#### Materials provided
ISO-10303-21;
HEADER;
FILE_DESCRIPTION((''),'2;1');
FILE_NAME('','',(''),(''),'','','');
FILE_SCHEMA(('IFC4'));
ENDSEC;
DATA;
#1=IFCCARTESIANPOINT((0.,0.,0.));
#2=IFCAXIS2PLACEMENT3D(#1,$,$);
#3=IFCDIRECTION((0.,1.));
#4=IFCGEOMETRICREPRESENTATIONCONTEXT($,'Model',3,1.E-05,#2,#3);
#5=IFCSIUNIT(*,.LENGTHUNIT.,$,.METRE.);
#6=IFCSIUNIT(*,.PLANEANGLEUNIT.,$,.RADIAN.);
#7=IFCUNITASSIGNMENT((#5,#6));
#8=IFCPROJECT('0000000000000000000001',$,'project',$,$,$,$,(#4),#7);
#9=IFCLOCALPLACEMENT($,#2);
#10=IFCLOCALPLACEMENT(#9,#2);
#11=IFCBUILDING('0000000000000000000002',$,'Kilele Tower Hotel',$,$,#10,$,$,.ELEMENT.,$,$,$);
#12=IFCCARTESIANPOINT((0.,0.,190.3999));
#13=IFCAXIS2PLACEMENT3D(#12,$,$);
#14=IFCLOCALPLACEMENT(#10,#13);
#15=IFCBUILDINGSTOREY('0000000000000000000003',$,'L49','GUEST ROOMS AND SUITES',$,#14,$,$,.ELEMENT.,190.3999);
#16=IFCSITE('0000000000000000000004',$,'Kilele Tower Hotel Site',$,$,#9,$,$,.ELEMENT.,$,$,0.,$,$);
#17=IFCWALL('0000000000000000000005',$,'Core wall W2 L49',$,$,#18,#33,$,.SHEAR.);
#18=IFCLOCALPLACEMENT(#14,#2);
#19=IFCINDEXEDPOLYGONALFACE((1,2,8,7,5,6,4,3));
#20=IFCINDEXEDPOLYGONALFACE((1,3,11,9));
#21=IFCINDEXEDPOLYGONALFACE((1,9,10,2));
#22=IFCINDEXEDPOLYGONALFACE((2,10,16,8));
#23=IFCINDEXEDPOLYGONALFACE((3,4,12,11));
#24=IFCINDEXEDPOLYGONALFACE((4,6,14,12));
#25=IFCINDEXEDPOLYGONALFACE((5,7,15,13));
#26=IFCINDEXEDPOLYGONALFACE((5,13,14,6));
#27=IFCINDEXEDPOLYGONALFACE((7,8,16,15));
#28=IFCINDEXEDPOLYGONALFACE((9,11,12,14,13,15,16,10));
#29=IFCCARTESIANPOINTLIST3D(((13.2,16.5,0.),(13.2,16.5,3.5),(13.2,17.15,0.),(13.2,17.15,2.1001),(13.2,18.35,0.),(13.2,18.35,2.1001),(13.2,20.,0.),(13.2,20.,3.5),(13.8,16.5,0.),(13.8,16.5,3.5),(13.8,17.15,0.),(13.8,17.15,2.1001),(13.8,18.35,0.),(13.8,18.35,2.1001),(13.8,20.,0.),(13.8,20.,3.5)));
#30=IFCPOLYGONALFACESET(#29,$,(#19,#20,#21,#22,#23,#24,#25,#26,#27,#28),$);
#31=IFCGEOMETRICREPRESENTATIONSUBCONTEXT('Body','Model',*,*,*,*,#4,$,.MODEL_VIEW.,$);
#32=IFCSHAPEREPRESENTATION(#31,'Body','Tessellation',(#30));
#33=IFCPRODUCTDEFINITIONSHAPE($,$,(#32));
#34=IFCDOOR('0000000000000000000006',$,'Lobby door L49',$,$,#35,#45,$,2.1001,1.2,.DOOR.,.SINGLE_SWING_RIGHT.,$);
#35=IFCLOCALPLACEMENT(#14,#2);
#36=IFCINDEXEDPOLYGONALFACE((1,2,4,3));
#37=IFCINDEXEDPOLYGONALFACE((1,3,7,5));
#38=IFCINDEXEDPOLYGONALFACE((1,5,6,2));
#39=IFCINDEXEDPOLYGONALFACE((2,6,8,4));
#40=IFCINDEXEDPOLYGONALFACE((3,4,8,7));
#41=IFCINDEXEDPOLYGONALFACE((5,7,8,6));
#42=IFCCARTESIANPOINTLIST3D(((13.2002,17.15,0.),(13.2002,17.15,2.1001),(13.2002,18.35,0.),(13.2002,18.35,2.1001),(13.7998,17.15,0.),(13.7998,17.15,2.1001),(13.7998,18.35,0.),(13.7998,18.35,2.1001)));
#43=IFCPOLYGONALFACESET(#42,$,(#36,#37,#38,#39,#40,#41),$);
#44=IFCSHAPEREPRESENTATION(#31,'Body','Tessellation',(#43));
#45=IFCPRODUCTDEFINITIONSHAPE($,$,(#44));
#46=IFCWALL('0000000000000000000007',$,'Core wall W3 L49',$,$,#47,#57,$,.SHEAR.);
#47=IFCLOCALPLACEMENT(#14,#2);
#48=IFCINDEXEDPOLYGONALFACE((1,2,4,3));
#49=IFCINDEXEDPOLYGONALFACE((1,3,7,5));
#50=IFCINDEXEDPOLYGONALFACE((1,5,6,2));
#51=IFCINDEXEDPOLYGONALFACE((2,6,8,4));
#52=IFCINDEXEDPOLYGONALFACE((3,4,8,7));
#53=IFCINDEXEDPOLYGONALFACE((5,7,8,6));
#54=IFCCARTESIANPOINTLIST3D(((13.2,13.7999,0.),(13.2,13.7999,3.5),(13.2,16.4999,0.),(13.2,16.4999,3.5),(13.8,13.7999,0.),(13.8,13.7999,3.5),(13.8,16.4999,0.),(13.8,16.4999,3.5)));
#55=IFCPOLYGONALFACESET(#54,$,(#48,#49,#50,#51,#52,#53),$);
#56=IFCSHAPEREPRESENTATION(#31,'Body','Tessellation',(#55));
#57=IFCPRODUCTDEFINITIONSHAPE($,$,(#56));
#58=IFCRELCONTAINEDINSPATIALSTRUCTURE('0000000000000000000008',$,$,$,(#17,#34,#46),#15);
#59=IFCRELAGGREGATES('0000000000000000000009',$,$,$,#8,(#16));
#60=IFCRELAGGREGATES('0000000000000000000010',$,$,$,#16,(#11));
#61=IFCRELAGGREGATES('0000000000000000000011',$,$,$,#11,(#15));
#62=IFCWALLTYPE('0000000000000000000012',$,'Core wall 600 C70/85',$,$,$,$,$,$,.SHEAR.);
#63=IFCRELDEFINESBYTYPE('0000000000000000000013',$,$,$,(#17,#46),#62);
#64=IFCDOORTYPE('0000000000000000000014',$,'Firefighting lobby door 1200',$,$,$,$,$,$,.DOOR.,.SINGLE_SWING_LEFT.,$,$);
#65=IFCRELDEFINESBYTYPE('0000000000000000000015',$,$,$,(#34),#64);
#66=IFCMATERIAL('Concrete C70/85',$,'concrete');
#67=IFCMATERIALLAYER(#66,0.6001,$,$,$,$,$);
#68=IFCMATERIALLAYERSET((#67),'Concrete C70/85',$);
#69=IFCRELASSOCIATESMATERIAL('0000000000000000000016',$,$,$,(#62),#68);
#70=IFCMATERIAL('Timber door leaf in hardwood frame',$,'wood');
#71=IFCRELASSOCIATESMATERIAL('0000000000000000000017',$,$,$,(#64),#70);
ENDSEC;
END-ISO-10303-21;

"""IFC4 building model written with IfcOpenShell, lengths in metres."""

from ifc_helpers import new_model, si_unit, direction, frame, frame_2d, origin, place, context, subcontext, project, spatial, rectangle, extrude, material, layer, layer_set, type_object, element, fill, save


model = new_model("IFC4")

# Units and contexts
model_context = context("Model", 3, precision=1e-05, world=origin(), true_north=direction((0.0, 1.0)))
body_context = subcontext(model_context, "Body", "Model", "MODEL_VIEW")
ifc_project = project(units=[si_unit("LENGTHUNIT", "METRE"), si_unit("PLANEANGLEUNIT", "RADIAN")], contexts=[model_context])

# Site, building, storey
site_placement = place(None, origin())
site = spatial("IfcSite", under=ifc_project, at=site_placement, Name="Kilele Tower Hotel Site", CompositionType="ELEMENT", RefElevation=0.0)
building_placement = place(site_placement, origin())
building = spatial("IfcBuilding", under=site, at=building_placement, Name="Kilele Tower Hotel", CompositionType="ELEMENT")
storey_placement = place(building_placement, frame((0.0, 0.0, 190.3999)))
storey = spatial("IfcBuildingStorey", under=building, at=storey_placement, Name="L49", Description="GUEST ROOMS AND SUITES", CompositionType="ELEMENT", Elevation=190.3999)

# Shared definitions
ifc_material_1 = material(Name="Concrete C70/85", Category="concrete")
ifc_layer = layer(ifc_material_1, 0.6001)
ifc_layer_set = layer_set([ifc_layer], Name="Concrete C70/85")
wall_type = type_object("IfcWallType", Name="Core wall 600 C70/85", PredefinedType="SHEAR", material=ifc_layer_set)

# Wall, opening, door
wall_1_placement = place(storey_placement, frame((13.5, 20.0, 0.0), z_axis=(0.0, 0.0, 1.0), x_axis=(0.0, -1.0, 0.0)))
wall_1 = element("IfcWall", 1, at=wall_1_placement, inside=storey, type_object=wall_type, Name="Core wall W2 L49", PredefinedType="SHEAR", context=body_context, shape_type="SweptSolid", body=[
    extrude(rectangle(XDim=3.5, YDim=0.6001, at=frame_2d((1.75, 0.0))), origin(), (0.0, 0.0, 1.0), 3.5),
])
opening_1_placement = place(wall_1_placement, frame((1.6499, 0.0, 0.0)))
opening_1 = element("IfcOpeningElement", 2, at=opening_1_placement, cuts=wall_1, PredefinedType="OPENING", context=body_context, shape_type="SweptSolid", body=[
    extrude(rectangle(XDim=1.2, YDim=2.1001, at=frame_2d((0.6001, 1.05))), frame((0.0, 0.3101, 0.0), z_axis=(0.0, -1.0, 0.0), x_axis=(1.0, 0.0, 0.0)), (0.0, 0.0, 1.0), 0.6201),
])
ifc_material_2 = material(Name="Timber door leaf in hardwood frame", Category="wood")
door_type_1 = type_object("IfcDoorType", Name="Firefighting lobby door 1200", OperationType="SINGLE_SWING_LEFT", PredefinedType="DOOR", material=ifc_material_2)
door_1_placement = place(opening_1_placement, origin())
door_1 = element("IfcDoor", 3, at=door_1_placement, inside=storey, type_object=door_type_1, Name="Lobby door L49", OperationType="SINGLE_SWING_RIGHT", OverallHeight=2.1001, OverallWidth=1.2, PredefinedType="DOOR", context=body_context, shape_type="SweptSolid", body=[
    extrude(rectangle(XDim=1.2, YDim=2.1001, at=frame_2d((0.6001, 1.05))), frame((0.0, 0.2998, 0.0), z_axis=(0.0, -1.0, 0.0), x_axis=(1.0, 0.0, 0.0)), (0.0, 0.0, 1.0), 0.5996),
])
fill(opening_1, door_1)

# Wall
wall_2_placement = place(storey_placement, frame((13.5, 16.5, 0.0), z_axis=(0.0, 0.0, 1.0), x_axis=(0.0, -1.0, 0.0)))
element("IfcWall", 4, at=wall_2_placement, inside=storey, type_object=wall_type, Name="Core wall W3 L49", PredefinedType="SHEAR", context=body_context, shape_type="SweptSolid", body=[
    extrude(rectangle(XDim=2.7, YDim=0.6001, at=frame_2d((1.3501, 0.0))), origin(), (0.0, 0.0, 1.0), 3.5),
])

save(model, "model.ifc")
########
Task to complete:
Out of the data above, set down the lines from the one with "#43=IFCPOLYGONALFACESET(#42,$,(#36,#37,#38,#39,#40,#41),$);" to the one with "#47=IFCLOCALPLACEMENT(#14,#2);", both included, exactly as written and with no additions.

Expected answer:
#43=IFCPOLYGONALFACESET(#42,$,(#36,#37,#38,#39,#40,#41),$);
#44=IFCSHAPEREPRESENTATION(#31,'Body','Tessellation',(#43));
#45=IFCPRODUCTDEFINITIONSHAPE($,$,(#44));
#46=IFCWALL('0000000000000000000007',$,'Core wall W3 L49',$,$,#47,#57,$,.SHEAR.);
#47=IFCLOCALPLACEMENT(#14,#2);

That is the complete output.